TASK GOAL: Your answer is the lines below, exactly, from the one that contains "#79=IFCPRODUCTDEFINITIONSHAPE($,$,(#78));" through the one that contains "#95=IFCPRODUCTDEFINITIONSHAPE($,$,(#94));", both included.

MATERIAL FOR THIS EXERCISE:

# # # #

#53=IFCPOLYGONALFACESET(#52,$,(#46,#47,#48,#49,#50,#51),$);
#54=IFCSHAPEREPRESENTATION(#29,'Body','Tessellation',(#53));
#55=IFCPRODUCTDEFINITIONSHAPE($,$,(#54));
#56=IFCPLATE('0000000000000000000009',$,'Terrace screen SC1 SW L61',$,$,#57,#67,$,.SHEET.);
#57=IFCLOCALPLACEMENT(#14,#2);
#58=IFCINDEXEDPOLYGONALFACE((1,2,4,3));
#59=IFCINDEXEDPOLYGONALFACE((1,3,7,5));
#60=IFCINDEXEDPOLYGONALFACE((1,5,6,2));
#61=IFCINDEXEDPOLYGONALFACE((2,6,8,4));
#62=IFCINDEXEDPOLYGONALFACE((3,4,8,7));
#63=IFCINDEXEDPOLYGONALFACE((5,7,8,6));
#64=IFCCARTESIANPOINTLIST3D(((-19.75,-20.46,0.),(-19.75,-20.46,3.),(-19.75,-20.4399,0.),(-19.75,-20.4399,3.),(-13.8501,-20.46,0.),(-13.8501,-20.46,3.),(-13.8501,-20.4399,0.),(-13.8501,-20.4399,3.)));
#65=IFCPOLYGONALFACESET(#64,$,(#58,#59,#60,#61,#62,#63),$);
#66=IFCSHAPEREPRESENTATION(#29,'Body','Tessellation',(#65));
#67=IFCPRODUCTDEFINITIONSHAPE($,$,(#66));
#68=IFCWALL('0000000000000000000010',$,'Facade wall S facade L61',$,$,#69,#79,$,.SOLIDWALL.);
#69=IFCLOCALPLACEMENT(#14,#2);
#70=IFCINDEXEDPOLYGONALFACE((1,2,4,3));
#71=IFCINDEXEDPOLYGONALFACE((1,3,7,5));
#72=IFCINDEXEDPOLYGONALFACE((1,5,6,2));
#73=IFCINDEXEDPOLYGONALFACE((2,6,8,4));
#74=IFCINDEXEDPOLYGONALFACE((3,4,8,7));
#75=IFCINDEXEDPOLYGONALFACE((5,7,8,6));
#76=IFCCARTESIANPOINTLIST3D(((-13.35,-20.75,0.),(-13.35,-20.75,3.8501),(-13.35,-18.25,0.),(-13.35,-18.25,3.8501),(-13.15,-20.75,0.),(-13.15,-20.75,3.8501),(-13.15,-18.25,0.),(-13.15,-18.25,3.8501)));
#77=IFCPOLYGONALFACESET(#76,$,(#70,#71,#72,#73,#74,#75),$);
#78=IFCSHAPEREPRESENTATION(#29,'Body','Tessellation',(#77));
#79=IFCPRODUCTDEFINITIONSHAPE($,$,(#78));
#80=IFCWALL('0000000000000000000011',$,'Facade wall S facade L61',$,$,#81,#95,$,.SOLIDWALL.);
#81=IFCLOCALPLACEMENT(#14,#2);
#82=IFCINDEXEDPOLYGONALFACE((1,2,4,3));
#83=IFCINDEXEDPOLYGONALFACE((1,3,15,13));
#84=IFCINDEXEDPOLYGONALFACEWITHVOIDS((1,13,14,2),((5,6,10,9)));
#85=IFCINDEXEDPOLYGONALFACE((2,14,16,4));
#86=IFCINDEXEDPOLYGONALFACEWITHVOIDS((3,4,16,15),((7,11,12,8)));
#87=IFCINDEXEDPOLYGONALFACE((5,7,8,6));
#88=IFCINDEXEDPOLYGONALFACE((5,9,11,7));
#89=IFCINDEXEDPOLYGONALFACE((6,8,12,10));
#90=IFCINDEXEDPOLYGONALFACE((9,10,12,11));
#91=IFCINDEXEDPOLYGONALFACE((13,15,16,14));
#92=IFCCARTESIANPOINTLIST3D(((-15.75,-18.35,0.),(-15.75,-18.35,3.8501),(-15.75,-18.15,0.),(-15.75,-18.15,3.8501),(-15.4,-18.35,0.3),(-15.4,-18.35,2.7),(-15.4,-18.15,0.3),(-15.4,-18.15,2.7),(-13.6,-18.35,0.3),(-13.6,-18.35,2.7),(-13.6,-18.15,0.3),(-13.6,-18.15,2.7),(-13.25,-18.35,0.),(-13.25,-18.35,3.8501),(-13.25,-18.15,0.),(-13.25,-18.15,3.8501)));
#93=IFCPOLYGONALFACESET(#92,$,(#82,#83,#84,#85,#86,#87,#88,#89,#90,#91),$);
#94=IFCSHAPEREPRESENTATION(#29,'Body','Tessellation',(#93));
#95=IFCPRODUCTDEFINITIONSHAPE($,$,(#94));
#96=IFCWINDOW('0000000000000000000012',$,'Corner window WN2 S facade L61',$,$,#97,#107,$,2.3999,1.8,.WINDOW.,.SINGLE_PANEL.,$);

# # # #

ANSWER TO THIS TASK:
#79=IFCPRODUCTDEFINITIONSHAPE($,$,(#78));
#80=IFCWALL('0000000000000000000011',$,'Facade wall S facade L61',$,$,#81,#95,$,.SOLIDWALL.);
#81=IFCLOCALPLACEMENT(#14,#2);
#82=IFCINDEXEDPOLYGONALFACE((1,2,4,3));
#83=IFCINDEXEDPOLYGONALFACE((1,3,15,13));
#84=IFCINDEXEDPOLYGONALFACEWITHVOIDS((1,13,14,2),((5,6,10,9)));
#85=IFCINDEXEDPOLYGONALFACE((2,14,16,4));
#86=IFCINDEXEDPOLYGONALFACEWITHVOIDS((3,4,16,15),((7,11,12,8)));
#87=IFCINDEXEDPOLYGONALFACE((5,7,8,6));
#88=IFCINDEXEDPOLYGONALFACE((5,9,11,7));
#89=IFCINDEXEDPOLYGONALFACE((6,8,12,10));
#90=IFCINDEXEDPOLYGONALFACE((9,10,12,11));
#91=IFCINDEXEDPOLYGONALFACE((13,15,16,14));
#92=IFCCARTESIANPOINTLIST3D(((-15.75,-18.35,0.),(-15.75,-18.35,3.8501),(-15.75,-18.15,0.),(-15.75,-18.15,3.8501),(-15.4,-18.35,0.3),(-15.4,-18.35,2.7),(-15.4,-18.15,0.3),(-15.4,-18.15,2.7),(-13.6,-18.35,0.3),(-13.6,-18.35,2.7),(-13.6,-18.15,0.3),(-13.6,-18.15,2.7),(-13.25,-18.35,0.),(-13.25,-18.35,3.8501),(-13.25,-18.15,0.),(-13.25,-18.15,3.8501)));
#93=IFCPOLYGONALFACESET(#92,$,(#82,#83,#84,#85,#86,#87,#88,#89,#90,#91),$);
#94=IFCSHAPEREPRESENTATION(#29,'Body','Tessellation',(#93));
#95=IFCPRODUCTDEFINITIONSHAPE($,$,(#94));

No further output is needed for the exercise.